## [Problem to work on]
Filter the entries below, keeping only lines with "IFCSIUNIT".

## [Available data]
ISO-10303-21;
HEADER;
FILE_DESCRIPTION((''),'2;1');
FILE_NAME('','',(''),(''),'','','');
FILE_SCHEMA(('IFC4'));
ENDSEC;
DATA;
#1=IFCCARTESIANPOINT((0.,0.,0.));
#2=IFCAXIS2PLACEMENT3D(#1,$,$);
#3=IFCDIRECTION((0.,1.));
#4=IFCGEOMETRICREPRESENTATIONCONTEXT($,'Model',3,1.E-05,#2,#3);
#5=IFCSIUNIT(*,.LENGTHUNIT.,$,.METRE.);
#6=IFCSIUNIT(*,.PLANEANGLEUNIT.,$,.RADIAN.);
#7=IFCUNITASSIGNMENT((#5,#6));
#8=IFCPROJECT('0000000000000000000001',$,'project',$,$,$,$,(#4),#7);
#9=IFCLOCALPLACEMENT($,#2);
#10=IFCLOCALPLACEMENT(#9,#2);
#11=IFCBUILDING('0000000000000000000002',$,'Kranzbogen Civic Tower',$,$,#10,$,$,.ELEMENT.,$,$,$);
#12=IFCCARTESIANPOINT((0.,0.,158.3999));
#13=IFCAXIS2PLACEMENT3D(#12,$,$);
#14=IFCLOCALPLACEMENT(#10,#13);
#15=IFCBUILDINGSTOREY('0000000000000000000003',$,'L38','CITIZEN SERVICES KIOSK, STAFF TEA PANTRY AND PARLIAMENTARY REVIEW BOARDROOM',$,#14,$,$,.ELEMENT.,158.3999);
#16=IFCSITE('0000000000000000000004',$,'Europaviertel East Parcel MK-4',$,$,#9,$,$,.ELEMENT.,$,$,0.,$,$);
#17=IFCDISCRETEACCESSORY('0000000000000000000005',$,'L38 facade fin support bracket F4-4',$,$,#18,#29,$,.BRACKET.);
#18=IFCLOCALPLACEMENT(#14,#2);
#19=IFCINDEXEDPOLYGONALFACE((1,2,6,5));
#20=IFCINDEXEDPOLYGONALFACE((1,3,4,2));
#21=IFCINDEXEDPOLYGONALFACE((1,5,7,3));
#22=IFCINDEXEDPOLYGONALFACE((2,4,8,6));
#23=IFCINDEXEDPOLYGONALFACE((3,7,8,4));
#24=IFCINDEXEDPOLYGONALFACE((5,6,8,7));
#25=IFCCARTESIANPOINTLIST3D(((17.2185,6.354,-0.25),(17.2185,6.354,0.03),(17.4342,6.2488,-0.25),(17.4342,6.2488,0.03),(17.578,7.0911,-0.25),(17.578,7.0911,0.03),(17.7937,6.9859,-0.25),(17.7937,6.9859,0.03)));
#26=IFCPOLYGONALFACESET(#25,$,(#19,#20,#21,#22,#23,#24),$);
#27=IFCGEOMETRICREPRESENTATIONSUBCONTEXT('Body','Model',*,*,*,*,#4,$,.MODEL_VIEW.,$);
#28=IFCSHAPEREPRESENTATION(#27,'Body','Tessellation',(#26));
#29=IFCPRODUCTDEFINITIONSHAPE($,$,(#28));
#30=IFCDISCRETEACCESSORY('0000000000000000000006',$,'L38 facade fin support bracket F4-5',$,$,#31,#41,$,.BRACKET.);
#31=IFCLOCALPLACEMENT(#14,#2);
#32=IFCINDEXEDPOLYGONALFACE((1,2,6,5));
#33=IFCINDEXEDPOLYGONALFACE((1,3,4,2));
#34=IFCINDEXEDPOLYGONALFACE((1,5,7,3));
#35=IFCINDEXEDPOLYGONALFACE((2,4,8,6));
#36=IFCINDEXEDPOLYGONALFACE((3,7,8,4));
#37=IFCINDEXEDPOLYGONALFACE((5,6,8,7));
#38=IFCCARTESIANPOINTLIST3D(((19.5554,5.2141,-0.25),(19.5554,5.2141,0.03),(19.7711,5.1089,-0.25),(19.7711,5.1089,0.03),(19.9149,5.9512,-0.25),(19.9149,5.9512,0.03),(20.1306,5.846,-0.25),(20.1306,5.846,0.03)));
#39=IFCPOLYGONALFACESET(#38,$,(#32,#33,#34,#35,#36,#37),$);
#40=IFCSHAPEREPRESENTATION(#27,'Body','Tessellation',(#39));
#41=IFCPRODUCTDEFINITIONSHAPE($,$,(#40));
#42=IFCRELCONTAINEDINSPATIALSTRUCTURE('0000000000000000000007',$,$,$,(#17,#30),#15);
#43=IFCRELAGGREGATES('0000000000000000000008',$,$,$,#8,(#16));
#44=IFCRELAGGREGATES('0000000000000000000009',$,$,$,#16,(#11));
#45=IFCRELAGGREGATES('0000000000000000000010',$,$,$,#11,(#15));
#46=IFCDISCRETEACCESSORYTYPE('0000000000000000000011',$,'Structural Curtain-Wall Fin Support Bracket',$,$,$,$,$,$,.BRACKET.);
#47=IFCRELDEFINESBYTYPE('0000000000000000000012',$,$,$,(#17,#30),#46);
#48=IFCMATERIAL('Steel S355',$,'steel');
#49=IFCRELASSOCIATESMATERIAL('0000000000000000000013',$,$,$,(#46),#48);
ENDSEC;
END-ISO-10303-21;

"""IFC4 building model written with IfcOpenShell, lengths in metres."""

from ifc_helpers import new_model, si_unit, direction, frame, origin, origin_2d, place, context, subcontext, project, spatial, rectangle, extrude, material, type_object, element, save


model = new_model("IFC4")

# Units and contexts
model_context = context("Model", 3, precision=1e-05, world=origin(), true_north=direction((0.0, 1.0)))
body_context = subcontext(model_context, "Body", "Model", "MODEL_VIEW")
ifc_project = project(units=[si_unit("LENGTHUNIT", "METRE"), si_unit("PLANEANGLEUNIT", "RADIAN")], contexts=[model_context])

# Site, building, storey
site_placement = place(None, origin())
site = spatial("IfcSite", under=ifc_project, at=site_placement, Name="Europaviertel East Parcel MK-4", CompositionType="ELEMENT", RefElevation=0.0)
building_placement = place(site_placement, origin())
building = spatial("IfcBuilding", under=site, at=building_placement, Name="Kranzbogen Civic Tower", CompositionType="ELEMENT")
storey_placement = place(building_placement, frame((0.0, 0.0, 158.3999)))
storey = spatial("IfcBuildingStorey", under=building, at=storey_placement, Name="L38", Description="CITIZEN SERVICES KIOSK, STAFF TEA PANTRY AND PARLIAMENTARY REVIEW BOARDROOM", CompositionType="ELEMENT", Elevation=158.3999)

# Shared definitions
ifc_material_1 = material(Name="Steel S355", Category="steel")

# Discrete accessories
discrete_accessory_type = type_object("IfcDiscreteAccessoryType", Name="Structural Curtain-Wall Fin Support Bracket", PredefinedType="BRACKET", material=ifc_material_1)
for number, where, z_axis, x_axis, name in (
    (1, (17.5061, 6.6699, -0.25), (0.0, 0.0, 1.0), (-0.438371, -0.898794, 0.0), "L38 facade fin support bracket F4-4"),
    (2, (19.843, 5.53, -0.25), (0.0, 0.0, 1.0), (-0.438371, -0.898794, 0.0), "L38 facade fin support bracket F4-5"),
):
    element("IfcDiscreteAccessory", number, at=place(storey_placement, frame(where, z_axis=z_axis, x_axis=x_axis)), inside=storey, type_object=discrete_accessory_type, Name=name, PredefinedType="BRACKET", context=body_context, shape_type="SweptSolid", body=[
        extrude(rectangle(XDim=0.8201, YDim=0.24, at=origin_2d()), origin(), (0.0, 0.0, 1.0), 0.28),
    ])

save(model, "model.ifc")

## [Response]
#5=IFCSIUNIT(*,.LENGTHUNIT.,$,.METRE.);
#6=IFCSIUNIT(*,.PLANEANGLEUNIT.,$,.RADIAN.);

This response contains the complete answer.